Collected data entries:
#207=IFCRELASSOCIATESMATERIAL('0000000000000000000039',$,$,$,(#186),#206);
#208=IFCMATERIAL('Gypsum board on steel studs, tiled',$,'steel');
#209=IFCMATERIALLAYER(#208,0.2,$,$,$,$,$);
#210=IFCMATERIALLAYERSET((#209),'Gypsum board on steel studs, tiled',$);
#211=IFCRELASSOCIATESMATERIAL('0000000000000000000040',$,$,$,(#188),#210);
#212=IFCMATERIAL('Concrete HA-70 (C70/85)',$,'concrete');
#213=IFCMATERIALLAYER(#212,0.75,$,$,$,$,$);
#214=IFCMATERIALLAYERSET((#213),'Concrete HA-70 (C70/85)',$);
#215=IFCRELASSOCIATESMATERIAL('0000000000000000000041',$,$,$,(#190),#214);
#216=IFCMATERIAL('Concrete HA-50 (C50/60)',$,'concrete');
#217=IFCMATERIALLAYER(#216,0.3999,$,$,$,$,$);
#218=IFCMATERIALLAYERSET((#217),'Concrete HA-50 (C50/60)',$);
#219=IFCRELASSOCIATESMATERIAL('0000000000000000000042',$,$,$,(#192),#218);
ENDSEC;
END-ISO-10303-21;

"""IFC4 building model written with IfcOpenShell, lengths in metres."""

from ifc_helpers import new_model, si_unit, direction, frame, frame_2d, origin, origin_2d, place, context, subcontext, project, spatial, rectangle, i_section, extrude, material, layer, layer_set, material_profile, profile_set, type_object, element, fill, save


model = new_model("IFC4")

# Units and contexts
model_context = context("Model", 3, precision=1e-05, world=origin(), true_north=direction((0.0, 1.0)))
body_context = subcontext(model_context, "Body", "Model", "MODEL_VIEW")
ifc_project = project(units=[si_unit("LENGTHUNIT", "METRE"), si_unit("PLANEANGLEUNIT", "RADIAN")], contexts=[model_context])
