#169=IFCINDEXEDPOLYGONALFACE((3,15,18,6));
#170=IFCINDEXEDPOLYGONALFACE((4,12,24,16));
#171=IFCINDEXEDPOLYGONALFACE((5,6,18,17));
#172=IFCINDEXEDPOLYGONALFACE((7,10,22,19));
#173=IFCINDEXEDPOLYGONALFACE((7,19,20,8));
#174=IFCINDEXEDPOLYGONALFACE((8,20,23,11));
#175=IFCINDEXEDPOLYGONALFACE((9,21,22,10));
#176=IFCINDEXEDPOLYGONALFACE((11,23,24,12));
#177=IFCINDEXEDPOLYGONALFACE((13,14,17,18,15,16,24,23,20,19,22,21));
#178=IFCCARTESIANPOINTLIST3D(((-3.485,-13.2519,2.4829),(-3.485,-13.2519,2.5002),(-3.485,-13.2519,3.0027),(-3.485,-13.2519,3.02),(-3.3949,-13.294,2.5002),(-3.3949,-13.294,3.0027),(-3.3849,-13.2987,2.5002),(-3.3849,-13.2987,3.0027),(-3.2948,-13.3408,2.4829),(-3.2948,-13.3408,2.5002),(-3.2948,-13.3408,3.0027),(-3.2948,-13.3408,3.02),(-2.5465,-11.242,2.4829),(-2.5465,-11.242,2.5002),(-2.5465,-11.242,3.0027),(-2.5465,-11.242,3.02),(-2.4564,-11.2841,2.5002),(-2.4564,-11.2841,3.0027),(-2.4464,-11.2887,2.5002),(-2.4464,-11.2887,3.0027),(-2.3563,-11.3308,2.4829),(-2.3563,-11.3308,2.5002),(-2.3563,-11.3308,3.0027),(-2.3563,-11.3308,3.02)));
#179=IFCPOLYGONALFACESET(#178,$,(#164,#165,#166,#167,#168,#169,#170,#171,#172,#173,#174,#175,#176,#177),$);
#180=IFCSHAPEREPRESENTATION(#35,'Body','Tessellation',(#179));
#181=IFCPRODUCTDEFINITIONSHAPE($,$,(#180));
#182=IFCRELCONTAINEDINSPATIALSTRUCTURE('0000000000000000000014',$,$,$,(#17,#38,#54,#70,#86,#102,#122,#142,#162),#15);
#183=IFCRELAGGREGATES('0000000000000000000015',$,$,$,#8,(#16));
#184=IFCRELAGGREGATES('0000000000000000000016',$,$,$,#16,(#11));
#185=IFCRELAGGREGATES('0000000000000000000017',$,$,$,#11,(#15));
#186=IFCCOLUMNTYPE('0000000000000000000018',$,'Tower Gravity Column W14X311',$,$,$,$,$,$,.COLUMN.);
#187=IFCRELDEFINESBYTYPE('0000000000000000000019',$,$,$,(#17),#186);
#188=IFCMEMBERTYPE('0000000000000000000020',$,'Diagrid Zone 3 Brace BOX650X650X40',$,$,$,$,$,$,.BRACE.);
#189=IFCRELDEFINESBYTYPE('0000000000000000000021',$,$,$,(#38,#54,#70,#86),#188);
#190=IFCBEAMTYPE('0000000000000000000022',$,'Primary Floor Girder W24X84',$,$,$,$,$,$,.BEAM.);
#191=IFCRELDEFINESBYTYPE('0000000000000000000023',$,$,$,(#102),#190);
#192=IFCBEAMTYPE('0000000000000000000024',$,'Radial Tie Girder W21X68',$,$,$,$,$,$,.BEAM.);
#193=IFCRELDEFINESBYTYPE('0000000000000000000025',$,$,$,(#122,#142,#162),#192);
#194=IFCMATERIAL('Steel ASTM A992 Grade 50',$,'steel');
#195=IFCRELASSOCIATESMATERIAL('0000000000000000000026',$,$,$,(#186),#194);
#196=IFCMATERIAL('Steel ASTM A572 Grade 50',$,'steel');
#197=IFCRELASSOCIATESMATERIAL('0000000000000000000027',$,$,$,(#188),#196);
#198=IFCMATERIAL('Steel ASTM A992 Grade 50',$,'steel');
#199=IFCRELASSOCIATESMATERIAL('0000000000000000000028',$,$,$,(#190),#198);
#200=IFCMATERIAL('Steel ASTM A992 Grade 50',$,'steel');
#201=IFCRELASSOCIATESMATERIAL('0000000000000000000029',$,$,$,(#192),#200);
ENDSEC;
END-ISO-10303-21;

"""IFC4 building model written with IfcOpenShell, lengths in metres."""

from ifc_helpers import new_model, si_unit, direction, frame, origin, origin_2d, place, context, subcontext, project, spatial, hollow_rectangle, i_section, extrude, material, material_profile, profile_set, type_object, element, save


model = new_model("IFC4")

* EXERCISE PROMPT: Whichever lines of the records above hold the word "IFCMATERIALLAYERSET" should all be copied out.

* FINAL ANSWER:
#210=IFCMATERIALLAYERSET((#209),'Gypsum board on steel studs, tiled',$);
#214=IFCMATERIALLAYERSET((#213),'Concrete HA-70 (C70/85)',$);
#218=IFCMATERIALLAYERSET((#217),'Concrete HA-50 (C50/60)',$);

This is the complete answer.